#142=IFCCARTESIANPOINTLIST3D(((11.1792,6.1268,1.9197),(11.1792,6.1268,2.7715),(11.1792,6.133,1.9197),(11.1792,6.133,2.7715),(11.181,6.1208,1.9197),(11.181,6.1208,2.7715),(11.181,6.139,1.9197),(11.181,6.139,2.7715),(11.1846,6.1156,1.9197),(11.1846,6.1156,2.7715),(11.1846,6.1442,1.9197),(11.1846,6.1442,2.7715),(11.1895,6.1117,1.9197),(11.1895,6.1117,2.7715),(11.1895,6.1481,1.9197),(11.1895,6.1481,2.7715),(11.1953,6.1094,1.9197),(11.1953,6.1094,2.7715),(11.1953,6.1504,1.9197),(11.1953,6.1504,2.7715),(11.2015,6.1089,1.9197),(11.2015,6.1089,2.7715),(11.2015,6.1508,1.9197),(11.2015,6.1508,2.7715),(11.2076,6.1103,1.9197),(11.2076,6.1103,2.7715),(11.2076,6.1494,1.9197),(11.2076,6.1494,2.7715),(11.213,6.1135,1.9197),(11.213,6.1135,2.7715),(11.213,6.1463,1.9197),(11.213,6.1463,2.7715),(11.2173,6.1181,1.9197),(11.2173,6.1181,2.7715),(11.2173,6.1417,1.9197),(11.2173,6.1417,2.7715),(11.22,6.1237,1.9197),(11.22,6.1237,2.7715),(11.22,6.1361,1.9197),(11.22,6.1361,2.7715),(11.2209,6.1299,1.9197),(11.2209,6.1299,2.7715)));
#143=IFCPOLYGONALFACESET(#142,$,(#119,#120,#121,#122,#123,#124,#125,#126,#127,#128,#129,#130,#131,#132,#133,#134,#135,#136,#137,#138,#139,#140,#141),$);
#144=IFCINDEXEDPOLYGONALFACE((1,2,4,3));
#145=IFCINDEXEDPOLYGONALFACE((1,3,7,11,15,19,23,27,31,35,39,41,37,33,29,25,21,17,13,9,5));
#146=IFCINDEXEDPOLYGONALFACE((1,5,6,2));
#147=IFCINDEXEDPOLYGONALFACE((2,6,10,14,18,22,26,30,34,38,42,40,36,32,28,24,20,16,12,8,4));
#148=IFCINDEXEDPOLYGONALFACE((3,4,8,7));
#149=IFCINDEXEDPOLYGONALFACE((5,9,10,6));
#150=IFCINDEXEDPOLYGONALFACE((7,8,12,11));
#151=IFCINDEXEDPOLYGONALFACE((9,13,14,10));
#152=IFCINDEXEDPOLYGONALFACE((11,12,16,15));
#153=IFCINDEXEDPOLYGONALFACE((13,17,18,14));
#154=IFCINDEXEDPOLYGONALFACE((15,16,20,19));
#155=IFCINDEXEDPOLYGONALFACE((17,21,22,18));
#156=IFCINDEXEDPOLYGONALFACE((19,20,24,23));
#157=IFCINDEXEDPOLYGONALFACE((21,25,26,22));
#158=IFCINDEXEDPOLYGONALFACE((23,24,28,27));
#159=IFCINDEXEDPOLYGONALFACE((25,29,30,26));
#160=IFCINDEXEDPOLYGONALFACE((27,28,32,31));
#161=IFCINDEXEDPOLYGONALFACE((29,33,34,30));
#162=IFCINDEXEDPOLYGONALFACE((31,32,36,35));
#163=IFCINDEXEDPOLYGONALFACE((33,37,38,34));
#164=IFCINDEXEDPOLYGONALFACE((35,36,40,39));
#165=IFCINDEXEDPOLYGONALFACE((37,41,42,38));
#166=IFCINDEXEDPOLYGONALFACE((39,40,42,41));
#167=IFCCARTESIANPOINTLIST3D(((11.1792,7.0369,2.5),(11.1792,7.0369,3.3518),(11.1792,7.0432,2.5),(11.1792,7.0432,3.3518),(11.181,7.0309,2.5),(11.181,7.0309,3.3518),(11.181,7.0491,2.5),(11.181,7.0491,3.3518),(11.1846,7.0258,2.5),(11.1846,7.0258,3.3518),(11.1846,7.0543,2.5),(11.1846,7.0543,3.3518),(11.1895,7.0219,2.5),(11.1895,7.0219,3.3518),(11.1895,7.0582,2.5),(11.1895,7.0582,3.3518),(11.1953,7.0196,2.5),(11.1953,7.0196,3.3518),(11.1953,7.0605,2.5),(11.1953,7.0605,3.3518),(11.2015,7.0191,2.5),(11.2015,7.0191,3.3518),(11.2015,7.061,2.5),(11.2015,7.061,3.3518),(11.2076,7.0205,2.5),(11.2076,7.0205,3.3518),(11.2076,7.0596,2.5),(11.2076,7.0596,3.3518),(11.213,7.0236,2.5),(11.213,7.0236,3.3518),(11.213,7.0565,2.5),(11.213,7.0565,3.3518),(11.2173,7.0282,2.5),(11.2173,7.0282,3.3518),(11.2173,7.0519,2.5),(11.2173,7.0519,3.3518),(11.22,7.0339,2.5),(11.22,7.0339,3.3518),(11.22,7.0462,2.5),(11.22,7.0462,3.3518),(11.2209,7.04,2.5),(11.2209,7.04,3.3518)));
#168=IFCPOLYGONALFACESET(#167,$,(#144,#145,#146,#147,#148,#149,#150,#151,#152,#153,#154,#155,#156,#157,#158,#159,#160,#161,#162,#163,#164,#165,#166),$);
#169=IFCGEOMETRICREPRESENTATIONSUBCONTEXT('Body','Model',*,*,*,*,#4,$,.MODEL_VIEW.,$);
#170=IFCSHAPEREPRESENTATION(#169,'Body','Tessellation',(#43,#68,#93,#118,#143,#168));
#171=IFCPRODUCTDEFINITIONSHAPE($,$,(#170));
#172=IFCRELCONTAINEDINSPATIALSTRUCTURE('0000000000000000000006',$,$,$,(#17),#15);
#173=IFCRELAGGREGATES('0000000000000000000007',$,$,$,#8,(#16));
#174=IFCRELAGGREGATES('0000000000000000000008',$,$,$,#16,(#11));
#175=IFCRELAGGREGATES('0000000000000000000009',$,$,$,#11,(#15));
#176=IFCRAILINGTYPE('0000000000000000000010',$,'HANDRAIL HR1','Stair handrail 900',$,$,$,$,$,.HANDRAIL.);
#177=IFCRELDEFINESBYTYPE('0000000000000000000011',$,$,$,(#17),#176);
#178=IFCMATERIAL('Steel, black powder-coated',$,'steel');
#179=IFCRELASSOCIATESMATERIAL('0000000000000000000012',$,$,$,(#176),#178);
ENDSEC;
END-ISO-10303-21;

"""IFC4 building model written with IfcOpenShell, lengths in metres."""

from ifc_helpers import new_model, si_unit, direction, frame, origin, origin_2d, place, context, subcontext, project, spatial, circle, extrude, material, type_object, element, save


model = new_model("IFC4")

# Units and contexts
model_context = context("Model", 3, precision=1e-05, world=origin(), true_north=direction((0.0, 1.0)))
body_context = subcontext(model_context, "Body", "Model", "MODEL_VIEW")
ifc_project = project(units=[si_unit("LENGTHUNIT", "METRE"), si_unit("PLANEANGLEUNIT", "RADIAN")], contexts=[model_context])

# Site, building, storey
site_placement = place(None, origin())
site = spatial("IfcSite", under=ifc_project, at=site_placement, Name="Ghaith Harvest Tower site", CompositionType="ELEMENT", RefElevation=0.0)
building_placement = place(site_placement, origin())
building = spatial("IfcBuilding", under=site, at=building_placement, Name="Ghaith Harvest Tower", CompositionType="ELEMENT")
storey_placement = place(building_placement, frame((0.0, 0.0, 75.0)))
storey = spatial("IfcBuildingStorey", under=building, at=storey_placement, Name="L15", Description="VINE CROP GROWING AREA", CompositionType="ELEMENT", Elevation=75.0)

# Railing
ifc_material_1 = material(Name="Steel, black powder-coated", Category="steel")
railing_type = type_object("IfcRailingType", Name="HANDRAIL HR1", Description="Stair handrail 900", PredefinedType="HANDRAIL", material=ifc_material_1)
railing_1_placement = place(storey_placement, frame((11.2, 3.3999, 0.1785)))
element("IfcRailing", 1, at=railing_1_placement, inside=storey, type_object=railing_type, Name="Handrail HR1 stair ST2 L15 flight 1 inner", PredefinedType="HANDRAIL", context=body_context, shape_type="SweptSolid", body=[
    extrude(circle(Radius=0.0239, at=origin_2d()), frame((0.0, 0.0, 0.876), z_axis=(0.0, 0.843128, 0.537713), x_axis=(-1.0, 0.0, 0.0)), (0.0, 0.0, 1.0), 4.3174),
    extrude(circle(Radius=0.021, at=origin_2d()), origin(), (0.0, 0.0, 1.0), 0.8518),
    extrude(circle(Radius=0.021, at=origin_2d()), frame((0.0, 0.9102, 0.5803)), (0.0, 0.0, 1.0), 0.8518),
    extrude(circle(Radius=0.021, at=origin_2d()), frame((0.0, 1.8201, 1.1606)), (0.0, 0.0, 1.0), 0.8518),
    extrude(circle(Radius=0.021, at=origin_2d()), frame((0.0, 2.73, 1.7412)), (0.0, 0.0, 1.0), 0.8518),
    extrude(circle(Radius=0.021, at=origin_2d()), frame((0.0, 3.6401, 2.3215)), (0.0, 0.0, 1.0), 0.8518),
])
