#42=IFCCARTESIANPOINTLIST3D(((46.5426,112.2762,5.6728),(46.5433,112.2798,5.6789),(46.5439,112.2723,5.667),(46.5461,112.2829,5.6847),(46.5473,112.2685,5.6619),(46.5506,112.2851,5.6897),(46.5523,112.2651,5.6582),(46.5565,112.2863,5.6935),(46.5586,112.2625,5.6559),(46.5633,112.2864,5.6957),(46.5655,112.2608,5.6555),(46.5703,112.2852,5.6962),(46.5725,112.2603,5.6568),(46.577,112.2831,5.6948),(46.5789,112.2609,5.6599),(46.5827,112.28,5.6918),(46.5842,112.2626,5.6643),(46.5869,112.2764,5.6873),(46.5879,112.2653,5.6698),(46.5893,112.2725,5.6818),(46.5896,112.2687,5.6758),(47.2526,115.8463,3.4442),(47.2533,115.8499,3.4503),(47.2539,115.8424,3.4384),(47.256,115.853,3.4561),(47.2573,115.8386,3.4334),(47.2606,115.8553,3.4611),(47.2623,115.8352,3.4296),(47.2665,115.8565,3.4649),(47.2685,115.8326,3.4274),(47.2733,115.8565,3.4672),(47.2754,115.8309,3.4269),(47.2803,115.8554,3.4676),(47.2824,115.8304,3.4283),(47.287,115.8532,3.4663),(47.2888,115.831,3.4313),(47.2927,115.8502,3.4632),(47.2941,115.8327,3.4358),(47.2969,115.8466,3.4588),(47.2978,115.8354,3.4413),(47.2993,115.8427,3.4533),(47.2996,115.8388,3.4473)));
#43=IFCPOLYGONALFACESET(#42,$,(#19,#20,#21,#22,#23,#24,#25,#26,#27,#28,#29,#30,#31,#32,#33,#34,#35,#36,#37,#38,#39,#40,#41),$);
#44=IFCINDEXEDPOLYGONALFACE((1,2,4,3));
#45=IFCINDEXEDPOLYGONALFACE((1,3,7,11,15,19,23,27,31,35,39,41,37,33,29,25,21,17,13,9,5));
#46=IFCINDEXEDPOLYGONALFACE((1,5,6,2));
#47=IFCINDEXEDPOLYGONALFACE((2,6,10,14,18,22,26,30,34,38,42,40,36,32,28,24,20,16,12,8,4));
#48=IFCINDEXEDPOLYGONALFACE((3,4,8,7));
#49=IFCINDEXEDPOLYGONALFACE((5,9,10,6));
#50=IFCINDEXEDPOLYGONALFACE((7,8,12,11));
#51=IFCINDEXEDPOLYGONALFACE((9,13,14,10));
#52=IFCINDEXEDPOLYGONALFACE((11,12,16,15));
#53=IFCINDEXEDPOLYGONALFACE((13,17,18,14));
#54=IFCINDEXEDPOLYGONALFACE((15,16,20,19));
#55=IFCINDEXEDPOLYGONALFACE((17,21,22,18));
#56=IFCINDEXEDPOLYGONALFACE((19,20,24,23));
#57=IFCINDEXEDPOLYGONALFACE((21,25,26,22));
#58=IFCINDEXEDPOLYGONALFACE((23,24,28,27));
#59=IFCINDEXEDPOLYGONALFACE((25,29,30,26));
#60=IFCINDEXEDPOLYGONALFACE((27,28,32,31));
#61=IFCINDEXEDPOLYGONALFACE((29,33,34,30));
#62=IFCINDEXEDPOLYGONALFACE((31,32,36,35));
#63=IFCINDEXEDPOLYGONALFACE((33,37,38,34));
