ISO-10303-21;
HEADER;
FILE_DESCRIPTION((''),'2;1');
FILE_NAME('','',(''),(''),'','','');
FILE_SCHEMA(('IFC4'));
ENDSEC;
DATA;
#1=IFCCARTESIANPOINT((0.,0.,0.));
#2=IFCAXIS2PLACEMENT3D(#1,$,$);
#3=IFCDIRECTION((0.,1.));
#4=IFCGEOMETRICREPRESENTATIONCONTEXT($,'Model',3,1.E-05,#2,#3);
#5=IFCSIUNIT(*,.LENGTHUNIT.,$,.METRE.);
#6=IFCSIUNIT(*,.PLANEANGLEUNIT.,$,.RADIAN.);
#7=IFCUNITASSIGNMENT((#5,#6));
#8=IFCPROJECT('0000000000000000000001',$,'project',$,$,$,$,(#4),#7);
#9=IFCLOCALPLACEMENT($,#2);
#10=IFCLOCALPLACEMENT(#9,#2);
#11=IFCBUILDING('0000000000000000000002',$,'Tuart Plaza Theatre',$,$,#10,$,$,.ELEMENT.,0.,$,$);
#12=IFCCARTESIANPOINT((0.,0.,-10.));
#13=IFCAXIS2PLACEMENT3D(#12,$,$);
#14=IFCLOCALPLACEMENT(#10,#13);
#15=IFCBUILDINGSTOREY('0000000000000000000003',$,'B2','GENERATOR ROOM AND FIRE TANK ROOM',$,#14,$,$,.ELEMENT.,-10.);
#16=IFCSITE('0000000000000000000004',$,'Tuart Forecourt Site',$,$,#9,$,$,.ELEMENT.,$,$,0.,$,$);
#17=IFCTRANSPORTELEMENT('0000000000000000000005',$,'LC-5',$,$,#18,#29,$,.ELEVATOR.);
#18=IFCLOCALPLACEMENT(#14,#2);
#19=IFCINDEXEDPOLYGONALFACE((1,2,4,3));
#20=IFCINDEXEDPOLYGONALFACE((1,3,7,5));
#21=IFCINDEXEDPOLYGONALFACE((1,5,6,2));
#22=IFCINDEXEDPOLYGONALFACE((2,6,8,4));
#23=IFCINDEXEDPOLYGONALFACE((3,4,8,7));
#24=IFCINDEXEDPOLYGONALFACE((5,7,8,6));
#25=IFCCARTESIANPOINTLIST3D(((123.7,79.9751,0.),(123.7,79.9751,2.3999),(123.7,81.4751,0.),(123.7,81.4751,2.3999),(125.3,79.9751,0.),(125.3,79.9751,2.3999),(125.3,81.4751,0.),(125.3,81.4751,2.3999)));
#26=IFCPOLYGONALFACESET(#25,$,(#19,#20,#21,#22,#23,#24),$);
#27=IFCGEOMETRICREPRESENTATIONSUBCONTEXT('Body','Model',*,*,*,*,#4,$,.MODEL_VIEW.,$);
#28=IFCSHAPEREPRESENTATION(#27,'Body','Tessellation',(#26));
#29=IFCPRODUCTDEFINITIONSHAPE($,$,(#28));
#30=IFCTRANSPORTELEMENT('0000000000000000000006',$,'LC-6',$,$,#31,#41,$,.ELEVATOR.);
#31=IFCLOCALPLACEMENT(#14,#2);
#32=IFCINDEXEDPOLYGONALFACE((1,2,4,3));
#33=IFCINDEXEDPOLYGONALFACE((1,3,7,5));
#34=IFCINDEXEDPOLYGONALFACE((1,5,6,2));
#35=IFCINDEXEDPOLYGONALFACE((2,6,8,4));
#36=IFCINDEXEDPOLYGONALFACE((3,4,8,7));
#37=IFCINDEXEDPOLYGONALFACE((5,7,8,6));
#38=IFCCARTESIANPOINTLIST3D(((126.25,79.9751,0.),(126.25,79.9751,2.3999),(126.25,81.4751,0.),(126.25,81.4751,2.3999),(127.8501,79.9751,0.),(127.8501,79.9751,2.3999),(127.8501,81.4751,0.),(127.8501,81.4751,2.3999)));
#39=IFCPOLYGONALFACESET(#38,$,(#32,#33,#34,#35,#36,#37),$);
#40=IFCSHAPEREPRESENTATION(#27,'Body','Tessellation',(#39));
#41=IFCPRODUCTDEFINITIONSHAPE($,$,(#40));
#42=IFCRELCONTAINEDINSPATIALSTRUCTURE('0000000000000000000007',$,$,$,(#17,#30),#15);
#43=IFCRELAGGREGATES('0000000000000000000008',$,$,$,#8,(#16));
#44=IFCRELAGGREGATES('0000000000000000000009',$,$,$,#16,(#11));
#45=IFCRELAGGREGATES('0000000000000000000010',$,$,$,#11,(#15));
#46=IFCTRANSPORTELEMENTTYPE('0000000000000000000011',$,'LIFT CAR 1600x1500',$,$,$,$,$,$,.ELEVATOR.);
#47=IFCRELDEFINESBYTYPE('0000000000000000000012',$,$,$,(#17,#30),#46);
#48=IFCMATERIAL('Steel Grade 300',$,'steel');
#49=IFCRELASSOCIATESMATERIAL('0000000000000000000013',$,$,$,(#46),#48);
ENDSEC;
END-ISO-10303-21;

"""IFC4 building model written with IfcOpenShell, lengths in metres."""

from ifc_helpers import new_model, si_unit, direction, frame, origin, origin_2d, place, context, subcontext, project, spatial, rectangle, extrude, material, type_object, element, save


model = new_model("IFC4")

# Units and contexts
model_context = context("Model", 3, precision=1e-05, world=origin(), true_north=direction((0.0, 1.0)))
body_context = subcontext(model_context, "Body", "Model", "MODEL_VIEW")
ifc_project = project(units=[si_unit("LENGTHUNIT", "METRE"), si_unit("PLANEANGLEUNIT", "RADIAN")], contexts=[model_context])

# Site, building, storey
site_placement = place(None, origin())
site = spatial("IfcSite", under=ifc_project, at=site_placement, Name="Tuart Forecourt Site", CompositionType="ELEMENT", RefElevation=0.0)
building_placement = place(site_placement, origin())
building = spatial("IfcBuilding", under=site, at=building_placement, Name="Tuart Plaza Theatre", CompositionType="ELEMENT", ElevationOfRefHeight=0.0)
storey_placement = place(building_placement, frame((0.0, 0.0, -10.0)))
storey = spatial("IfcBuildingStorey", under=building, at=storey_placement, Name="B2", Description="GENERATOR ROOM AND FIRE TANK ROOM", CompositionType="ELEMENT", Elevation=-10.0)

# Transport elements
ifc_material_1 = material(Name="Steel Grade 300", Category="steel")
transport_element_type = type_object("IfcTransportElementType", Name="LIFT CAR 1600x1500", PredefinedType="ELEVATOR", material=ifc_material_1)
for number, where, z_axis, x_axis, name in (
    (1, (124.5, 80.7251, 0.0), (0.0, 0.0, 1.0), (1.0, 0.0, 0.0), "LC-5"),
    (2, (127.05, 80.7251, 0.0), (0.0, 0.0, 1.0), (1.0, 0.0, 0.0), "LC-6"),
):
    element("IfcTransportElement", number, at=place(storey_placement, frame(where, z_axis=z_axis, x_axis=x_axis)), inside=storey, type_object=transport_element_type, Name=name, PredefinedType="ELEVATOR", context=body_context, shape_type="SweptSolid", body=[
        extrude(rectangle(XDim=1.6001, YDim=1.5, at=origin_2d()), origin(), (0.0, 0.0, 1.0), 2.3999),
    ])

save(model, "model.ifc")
* * * *
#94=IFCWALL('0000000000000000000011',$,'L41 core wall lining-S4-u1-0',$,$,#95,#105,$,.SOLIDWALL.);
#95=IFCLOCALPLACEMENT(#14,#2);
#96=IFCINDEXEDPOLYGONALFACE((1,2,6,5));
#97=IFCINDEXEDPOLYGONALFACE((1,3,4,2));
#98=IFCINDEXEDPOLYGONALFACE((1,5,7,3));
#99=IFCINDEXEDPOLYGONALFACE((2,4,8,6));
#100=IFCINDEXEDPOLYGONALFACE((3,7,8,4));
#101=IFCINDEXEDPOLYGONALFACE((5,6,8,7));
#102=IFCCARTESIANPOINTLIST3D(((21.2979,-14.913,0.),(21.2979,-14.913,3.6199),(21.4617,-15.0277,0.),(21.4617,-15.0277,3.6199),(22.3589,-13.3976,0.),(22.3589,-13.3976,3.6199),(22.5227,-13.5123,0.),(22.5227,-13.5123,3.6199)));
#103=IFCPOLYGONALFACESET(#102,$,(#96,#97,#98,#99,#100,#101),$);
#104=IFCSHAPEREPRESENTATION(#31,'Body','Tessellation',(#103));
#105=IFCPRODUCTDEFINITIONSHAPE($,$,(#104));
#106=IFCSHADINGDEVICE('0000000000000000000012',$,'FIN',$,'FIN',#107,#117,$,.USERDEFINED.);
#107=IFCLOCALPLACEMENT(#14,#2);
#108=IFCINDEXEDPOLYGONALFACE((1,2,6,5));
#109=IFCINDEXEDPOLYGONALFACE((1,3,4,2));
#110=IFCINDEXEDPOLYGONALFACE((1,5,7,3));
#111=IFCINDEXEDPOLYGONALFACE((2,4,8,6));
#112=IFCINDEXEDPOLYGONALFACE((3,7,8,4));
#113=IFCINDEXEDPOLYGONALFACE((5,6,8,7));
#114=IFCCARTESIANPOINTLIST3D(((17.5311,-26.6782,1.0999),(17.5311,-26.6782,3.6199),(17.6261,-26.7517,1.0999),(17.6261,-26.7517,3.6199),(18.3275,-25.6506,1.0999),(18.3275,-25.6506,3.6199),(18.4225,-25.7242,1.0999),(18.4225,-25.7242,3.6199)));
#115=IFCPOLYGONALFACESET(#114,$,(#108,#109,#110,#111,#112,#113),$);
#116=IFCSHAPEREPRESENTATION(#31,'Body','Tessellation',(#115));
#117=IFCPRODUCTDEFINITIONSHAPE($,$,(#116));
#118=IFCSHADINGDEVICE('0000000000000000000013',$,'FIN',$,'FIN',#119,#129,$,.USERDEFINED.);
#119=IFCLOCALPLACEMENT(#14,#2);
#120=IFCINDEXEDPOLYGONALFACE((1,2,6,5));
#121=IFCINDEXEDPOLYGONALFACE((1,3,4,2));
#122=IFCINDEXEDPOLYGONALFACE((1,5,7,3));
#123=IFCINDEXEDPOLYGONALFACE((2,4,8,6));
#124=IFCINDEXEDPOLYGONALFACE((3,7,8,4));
* * * *
*Task goal*.
Look through the entries above; copy every line holding the string "IFCPRODUCTDEFINITIONSHAPE".

*Answer for this exercise*.
#171=IFCPRODUCTDEFINITIONSHAPE($,$,(#170));
#29=IFCPRODUCTDEFINITIONSHAPE($,$,(#28));
#41=IFCPRODUCTDEFINITIONSHAPE($,$,(#40));
#105=IFCPRODUCTDEFINITIONSHAPE($,$,(#104));
#117=IFCPRODUCTDEFINITIONSHAPE($,$,(#116));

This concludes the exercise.